#### Description of the task:
Of all the lines below, return only those starting with the line holding "#152=IFCMEMBER('0000000000000000000008',$,'T2 L30 curtain" and going on through the line holding "#168=IFCINDEXEDPOLYGONALFACE((1,5,6,2));", exactly as written.

[Saved data entries]
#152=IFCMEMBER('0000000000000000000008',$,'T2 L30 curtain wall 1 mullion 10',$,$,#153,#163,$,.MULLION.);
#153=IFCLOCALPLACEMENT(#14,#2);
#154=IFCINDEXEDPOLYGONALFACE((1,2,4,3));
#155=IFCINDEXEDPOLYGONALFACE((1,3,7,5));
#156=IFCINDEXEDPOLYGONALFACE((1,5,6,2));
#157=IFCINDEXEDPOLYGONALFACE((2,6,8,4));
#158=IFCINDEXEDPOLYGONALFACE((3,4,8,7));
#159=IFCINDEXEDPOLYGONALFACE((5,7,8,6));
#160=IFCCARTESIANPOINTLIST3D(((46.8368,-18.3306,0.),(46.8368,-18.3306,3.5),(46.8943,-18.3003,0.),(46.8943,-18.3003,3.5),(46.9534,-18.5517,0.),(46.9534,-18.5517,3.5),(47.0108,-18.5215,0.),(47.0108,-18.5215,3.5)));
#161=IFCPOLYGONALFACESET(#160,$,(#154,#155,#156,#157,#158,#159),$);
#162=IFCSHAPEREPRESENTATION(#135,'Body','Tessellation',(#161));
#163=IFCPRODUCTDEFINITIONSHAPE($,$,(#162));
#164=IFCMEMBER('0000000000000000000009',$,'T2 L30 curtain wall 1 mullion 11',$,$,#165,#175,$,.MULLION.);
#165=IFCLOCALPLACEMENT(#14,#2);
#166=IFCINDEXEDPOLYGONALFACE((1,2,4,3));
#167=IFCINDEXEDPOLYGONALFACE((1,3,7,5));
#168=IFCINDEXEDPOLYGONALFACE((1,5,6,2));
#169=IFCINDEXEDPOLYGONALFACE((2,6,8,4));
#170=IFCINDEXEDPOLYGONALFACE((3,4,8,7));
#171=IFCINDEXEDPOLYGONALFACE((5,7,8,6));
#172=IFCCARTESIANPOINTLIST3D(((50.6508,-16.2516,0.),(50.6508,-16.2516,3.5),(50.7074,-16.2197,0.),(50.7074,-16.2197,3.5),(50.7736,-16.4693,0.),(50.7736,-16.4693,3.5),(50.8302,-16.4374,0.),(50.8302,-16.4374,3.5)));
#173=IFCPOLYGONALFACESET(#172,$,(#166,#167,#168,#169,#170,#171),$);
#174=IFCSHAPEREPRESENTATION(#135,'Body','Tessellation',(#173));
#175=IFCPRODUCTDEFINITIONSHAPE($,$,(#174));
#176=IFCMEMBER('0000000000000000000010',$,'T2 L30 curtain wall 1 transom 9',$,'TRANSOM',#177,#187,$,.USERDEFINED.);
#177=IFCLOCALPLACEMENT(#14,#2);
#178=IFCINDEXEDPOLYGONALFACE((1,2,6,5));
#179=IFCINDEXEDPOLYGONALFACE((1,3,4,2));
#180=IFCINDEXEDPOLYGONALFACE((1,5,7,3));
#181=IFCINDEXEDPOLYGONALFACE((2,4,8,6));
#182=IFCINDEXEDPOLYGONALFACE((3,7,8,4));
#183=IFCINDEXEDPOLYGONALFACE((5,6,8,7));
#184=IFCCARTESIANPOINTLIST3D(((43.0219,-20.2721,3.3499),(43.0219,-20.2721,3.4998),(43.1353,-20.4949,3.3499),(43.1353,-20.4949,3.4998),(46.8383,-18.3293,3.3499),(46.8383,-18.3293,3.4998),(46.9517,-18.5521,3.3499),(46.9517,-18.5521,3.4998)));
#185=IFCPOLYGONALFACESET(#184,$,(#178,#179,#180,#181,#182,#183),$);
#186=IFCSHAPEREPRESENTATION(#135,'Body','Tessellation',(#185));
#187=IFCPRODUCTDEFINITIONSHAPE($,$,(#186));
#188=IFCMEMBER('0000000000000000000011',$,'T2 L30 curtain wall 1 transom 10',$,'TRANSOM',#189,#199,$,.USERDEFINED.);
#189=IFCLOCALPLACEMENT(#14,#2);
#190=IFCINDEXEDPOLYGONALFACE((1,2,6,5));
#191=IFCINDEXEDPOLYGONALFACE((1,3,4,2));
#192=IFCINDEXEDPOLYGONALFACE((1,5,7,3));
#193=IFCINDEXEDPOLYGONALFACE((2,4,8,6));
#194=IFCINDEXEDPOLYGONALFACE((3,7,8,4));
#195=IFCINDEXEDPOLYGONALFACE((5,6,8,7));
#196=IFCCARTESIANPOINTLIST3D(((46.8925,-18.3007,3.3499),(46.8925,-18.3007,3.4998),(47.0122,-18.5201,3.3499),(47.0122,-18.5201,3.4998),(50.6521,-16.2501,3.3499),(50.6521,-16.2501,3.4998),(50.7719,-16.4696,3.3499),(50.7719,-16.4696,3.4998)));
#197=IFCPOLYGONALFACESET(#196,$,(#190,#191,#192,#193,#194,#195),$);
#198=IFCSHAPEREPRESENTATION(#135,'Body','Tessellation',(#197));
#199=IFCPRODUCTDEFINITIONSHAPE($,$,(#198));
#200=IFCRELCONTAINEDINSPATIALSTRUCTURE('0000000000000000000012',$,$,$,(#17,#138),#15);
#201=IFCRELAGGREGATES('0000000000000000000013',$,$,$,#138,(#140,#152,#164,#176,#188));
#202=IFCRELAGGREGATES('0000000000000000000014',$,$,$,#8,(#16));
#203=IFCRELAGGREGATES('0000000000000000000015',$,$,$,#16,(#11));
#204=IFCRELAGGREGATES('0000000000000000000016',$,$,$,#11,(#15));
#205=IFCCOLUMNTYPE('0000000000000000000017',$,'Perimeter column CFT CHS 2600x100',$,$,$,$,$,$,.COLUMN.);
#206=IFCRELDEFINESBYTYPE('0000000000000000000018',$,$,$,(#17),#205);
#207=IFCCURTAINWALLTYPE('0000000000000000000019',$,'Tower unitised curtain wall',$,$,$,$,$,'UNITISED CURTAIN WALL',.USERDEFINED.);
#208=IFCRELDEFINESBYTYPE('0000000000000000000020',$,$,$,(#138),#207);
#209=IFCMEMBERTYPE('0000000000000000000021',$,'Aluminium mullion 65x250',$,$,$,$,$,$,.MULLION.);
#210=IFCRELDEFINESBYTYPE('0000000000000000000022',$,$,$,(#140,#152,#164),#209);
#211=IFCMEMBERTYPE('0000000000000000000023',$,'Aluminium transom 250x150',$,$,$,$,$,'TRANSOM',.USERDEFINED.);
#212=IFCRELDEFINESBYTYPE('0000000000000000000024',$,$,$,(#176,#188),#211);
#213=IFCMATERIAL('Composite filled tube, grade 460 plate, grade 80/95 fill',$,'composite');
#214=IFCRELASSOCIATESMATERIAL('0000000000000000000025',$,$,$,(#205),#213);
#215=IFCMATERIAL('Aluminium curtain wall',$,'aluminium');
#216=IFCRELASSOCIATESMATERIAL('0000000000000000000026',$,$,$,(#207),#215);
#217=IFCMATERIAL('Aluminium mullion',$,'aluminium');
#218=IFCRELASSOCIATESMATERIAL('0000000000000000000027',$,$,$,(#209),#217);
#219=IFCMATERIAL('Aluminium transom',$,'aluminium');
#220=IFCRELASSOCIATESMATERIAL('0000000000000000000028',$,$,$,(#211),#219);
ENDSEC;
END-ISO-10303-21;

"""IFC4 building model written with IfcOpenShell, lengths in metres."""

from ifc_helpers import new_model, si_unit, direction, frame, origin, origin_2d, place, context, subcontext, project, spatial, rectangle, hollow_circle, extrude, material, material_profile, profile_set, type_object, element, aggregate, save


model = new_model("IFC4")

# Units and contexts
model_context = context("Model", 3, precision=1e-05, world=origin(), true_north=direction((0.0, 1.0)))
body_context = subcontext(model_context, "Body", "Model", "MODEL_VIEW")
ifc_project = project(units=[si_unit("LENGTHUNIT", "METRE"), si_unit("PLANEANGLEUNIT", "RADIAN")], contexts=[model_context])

---

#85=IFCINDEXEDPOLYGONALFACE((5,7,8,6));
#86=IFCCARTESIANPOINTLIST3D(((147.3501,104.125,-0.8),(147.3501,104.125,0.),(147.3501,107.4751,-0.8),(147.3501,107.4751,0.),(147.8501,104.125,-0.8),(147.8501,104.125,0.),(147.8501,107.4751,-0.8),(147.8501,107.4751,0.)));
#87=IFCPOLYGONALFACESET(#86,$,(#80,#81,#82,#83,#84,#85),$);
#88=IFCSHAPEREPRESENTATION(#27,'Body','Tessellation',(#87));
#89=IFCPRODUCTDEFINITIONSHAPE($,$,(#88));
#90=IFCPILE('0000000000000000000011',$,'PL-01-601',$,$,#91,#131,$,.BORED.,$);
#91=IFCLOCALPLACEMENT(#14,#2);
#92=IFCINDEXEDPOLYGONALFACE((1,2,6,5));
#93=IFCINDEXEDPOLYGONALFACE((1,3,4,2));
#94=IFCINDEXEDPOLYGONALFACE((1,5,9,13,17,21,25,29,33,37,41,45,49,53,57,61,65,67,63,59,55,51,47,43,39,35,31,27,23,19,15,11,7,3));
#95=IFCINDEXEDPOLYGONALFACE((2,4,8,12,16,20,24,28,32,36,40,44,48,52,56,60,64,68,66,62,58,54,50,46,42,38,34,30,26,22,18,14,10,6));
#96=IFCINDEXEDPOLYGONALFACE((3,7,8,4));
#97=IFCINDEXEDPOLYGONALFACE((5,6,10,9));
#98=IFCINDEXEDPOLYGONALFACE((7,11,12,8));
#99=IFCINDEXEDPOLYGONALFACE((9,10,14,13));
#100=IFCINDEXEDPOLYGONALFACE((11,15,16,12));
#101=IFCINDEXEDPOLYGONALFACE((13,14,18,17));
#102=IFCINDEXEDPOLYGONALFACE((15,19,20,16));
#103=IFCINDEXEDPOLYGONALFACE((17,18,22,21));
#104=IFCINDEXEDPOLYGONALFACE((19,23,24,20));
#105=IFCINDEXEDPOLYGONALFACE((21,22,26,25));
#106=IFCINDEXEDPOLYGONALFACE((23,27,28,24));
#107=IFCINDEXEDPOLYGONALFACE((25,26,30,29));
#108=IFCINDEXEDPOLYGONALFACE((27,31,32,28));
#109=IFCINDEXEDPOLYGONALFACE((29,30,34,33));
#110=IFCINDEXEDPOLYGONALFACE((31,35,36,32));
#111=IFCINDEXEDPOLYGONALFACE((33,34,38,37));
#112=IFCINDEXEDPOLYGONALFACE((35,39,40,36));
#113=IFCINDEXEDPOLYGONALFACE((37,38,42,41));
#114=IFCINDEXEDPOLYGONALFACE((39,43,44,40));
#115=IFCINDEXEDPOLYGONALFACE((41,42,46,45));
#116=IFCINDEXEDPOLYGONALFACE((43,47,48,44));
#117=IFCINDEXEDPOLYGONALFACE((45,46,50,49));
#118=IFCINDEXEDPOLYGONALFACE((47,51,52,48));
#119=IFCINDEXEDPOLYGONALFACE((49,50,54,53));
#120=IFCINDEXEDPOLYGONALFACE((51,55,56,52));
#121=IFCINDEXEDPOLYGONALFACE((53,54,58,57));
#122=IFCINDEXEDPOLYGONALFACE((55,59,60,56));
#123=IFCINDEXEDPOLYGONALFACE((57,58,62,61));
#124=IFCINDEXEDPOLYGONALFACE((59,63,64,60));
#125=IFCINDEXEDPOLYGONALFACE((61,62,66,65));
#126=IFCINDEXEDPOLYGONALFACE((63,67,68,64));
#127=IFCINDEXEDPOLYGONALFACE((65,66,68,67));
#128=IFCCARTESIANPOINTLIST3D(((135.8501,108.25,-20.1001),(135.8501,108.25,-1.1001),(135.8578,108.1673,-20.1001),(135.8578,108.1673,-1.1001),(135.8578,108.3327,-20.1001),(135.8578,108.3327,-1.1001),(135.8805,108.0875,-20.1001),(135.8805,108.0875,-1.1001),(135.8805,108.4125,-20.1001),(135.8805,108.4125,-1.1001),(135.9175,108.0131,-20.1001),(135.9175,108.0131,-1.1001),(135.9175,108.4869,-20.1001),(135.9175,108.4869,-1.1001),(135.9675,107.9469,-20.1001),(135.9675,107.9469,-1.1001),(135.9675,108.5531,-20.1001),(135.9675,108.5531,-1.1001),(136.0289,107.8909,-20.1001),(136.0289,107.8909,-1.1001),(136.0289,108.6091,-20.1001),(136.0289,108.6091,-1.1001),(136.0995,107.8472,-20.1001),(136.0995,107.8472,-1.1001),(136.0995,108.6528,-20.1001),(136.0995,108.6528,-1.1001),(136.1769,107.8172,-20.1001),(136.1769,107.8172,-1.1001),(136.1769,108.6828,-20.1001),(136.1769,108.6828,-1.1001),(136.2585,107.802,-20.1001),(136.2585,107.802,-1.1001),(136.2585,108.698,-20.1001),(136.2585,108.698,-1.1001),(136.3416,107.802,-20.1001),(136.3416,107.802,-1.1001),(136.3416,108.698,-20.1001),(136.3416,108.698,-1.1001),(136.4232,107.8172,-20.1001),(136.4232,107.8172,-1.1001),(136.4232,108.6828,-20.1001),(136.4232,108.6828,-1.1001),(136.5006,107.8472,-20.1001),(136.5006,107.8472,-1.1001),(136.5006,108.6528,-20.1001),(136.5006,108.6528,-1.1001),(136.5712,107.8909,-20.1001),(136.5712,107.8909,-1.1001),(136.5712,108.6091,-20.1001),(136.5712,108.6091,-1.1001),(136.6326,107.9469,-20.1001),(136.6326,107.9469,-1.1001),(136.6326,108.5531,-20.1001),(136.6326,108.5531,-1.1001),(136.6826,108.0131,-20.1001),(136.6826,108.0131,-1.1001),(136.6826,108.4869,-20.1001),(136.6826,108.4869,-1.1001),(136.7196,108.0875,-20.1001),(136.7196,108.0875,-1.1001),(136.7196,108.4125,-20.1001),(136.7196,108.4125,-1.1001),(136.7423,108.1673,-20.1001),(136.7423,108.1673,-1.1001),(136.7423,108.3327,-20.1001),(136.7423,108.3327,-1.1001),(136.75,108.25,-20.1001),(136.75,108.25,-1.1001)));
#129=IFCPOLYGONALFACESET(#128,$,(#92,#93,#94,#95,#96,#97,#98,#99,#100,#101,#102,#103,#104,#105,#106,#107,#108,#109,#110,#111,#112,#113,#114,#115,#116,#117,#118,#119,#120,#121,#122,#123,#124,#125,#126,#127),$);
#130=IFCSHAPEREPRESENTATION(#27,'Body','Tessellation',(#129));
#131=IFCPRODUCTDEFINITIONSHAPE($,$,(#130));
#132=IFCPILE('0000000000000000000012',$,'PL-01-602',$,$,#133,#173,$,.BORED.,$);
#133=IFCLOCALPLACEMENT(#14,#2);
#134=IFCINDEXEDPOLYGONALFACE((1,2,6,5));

* * *

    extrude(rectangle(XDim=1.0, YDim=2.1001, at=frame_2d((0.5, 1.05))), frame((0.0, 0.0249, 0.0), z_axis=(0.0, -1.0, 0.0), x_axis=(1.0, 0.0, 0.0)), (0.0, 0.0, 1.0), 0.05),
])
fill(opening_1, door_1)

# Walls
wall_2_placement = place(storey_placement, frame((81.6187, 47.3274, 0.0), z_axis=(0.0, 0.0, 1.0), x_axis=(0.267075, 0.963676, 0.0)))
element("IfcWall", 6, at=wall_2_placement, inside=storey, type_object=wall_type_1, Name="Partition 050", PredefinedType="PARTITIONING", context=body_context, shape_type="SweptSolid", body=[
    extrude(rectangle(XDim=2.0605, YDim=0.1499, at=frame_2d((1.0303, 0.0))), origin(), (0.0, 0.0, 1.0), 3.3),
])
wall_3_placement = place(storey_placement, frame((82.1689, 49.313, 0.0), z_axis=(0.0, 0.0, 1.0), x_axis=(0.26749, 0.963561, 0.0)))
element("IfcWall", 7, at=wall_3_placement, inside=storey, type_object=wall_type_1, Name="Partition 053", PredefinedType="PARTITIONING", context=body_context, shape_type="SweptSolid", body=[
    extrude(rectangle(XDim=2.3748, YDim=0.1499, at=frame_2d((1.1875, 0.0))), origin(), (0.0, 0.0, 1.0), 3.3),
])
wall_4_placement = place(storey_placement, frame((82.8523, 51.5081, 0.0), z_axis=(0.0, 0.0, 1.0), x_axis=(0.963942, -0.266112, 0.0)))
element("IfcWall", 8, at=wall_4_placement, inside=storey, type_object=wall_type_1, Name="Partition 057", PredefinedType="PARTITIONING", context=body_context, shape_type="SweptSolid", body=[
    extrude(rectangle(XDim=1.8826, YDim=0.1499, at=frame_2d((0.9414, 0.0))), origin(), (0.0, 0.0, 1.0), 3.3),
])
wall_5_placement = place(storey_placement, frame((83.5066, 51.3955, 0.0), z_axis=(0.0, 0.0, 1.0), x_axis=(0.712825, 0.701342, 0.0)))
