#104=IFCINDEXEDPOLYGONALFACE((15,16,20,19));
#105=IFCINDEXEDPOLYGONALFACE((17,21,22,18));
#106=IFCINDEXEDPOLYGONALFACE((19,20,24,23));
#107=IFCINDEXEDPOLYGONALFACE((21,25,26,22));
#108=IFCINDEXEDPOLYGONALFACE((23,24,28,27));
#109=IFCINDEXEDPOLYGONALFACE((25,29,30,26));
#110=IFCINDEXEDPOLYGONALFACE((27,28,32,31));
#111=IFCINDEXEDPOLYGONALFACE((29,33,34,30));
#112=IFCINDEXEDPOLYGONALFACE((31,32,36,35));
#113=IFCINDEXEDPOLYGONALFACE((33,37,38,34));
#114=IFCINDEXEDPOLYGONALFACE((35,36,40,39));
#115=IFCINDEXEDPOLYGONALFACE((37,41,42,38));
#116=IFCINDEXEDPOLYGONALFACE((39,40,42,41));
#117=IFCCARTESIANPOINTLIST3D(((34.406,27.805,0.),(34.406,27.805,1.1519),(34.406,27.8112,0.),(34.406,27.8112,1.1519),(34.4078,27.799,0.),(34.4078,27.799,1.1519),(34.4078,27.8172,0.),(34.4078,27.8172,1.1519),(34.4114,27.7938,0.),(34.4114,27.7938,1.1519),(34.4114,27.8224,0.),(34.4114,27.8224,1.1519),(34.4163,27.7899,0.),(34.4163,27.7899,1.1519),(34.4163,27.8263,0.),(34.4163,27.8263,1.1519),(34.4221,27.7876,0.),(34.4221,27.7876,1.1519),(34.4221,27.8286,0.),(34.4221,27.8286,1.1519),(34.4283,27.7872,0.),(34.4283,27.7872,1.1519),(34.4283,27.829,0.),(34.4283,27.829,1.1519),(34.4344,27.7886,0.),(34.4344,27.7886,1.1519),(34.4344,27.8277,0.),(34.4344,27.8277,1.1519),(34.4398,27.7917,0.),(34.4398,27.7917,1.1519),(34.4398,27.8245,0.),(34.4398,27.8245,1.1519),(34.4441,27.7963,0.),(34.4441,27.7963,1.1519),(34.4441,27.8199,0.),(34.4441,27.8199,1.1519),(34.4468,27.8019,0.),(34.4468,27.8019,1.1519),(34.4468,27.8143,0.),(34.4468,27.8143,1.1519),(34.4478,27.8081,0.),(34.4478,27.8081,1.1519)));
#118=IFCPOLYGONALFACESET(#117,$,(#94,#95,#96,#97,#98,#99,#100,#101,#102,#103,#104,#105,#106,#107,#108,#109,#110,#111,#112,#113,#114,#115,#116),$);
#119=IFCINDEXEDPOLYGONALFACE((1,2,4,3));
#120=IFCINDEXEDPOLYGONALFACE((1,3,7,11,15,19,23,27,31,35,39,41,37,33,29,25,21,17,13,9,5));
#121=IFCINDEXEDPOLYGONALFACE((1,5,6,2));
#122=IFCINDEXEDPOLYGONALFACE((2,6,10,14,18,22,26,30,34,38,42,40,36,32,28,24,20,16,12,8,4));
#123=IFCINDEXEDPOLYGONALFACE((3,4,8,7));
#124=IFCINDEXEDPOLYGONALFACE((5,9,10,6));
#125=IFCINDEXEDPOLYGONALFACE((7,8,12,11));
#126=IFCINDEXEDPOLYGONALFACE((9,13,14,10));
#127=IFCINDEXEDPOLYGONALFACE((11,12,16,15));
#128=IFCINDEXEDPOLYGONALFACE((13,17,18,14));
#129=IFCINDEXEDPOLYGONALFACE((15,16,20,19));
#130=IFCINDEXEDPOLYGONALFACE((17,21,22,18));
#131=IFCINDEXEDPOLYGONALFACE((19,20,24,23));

#### Response:
#152=IFCMEMBER('0000000000000000000008',$,'T2 L30 curtain wall 1 mullion 10',$,$,#153,#163,$,.MULLION.);
#153=IFCLOCALPLACEMENT(#14,#2);
#154=IFCINDEXEDPOLYGONALFACE((1,2,4,3));
#155=IFCINDEXEDPOLYGONALFACE((1,3,7,5));
#156=IFCINDEXEDPOLYGONALFACE((1,5,6,2));
#157=IFCINDEXEDPOLYGONALFACE((2,6,8,4));
#158=IFCINDEXEDPOLYGONALFACE((3,4,8,7));
#159=IFCINDEXEDPOLYGONALFACE((5,7,8,6));
#160=IFCCARTESIANPOINTLIST3D(((46.8368,-18.3306,0.),(46.8368,-18.3306,3.5),(46.8943,-18.3003,0.),(46.8943,-18.3003,3.5),(46.9534,-18.5517,0.),(46.9534,-18.5517,3.5),(47.0108,-18.5215,0.),(47.0108,-18.5215,3.5)));
#161=IFCPOLYGONALFACESET(#160,$,(#154,#155,#156,#157,#158,#159),$);
#162=IFCSHAPEREPRESENTATION(#135,'Body','Tessellation',(#161));
#163=IFCPRODUCTDEFINITIONSHAPE($,$,(#162));
#164=IFCMEMBER('0000000000000000000009',$,'T2 L30 curtain wall 1 mullion 11',$,$,#165,#175,$,.MULLION.);
#165=IFCLOCALPLACEMENT(#14,#2);
#166=IFCINDEXEDPOLYGONALFACE((1,2,4,3));
#167=IFCINDEXEDPOLYGONALFACE((1,3,7,5));
#168=IFCINDEXEDPOLYGONALFACE((1,5,6,2));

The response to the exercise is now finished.